*THE TASK*. How many of the lines below contain "subcontext"? Answer with that number alone.

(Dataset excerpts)
+++

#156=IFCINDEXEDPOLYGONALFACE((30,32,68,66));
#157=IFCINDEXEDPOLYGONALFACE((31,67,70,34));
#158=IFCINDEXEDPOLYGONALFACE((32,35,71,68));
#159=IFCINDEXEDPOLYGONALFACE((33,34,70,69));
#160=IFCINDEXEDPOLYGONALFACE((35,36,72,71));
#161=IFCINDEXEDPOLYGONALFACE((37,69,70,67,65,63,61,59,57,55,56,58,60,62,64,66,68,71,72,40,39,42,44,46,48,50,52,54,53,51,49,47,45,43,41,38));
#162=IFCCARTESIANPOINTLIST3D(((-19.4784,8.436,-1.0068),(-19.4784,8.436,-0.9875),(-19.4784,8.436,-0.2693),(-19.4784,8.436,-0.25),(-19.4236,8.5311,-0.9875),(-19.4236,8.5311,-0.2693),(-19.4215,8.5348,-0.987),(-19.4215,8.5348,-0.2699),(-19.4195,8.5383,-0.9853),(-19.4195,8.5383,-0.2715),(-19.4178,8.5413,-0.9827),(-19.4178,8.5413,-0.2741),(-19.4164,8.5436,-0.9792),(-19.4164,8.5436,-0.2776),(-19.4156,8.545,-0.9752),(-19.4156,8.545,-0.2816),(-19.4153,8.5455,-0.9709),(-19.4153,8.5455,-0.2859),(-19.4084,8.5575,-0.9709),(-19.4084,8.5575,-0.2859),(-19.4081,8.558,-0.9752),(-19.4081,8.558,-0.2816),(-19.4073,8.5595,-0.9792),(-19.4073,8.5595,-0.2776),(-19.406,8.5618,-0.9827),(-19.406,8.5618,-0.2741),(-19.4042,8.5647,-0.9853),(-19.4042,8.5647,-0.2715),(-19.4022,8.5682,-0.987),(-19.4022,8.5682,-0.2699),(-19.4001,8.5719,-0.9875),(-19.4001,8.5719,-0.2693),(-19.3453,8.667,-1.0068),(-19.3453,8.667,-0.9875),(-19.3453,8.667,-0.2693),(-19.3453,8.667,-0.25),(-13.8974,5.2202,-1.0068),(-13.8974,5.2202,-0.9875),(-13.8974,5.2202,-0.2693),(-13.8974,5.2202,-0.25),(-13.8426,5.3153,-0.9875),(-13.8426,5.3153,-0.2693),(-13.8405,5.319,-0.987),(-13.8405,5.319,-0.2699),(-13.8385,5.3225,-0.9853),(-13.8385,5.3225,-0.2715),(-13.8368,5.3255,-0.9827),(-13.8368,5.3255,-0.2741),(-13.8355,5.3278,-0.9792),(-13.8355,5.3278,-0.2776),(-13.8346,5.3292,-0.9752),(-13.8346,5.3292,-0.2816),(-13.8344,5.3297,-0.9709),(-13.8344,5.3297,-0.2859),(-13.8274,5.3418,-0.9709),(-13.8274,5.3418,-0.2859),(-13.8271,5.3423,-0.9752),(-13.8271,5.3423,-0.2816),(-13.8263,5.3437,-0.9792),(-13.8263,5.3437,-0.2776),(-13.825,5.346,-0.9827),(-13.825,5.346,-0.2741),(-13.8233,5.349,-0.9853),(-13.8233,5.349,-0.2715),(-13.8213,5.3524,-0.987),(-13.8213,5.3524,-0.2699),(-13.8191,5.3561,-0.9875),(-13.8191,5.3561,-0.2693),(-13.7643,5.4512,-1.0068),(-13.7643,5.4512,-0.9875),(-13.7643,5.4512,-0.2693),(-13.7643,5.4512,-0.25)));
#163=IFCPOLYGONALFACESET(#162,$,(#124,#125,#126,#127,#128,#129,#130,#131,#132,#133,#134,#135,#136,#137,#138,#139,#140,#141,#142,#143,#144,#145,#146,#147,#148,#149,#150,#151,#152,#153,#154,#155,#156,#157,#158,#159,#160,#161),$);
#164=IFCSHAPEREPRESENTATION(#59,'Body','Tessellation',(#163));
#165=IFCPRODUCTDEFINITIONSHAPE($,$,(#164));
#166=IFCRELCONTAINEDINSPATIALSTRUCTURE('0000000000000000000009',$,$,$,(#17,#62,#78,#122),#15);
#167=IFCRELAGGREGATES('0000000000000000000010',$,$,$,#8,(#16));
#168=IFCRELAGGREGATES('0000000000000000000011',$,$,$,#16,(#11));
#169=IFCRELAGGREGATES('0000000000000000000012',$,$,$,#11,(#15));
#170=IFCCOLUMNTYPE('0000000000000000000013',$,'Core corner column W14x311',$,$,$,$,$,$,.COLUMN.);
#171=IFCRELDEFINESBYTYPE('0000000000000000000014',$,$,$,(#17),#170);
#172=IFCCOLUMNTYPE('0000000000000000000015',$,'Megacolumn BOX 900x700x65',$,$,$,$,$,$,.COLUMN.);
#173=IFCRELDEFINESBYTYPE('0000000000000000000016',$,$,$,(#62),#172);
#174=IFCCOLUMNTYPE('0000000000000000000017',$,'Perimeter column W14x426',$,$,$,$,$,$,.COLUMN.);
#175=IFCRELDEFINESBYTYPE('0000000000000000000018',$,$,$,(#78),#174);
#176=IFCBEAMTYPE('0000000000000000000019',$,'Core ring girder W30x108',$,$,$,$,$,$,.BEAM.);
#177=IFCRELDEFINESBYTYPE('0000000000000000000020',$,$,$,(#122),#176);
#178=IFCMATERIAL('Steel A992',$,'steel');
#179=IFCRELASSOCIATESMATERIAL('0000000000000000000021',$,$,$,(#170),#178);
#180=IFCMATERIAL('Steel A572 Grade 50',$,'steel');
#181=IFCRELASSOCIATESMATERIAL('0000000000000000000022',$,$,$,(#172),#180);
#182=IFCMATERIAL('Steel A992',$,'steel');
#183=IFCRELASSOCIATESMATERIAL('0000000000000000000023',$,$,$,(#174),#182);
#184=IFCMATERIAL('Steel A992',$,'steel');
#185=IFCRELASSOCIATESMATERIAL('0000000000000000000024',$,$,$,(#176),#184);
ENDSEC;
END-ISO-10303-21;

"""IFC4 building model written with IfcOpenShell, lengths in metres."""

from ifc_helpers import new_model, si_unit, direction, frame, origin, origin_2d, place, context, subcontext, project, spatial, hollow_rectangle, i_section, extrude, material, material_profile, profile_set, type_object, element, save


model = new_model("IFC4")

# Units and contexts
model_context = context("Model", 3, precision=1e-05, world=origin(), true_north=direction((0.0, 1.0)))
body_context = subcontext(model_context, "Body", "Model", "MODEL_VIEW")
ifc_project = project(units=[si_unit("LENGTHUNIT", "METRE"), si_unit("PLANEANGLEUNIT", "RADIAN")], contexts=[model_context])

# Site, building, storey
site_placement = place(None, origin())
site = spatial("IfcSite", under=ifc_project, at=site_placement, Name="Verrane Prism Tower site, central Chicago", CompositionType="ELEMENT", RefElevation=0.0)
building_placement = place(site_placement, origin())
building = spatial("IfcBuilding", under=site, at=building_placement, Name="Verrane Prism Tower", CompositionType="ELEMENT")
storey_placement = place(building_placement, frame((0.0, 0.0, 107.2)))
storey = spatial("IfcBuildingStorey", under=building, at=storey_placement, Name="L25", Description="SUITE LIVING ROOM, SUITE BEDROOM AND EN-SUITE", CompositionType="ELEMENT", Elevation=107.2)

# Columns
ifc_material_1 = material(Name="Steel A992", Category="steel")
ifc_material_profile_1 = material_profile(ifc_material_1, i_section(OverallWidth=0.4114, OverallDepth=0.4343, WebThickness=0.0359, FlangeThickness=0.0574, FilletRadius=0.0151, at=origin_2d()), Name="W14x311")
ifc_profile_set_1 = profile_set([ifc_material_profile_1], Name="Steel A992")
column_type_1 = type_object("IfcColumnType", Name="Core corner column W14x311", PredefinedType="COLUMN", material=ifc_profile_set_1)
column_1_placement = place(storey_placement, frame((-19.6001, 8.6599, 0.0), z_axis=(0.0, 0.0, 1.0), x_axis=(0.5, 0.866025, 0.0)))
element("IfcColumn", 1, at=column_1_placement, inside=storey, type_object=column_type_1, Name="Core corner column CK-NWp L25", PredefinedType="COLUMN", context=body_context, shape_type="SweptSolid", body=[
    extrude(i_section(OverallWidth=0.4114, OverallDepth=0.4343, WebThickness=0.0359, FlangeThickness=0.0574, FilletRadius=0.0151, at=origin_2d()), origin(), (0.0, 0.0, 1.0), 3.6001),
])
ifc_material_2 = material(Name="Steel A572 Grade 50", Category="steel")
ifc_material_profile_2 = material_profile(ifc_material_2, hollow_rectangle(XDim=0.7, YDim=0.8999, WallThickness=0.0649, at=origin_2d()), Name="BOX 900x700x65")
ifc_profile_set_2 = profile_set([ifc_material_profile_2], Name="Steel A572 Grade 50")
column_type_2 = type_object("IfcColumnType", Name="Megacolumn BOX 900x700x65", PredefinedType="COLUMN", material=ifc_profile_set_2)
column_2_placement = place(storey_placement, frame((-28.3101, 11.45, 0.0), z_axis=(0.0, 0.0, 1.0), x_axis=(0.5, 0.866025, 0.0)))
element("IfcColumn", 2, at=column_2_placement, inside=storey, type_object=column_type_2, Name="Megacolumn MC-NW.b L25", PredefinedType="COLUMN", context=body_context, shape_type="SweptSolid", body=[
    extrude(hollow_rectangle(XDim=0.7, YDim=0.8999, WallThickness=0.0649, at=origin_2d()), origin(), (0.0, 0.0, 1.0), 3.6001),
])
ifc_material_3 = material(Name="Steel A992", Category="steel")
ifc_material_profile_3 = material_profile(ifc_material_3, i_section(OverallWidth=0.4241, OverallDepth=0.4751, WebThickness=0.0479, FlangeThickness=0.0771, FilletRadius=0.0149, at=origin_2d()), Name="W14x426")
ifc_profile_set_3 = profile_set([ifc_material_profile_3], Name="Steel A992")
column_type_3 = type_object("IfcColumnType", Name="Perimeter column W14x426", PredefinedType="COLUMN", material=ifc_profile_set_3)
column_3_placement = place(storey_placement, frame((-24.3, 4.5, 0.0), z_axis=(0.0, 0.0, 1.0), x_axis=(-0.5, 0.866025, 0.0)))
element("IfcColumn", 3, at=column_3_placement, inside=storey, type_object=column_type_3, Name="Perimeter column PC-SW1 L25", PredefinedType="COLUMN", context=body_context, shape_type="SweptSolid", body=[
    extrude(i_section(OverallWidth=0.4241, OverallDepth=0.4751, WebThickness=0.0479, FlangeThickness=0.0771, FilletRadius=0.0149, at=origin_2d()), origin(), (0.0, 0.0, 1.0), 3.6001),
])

+++

*SOLUTION FOR THIS TASK*. 2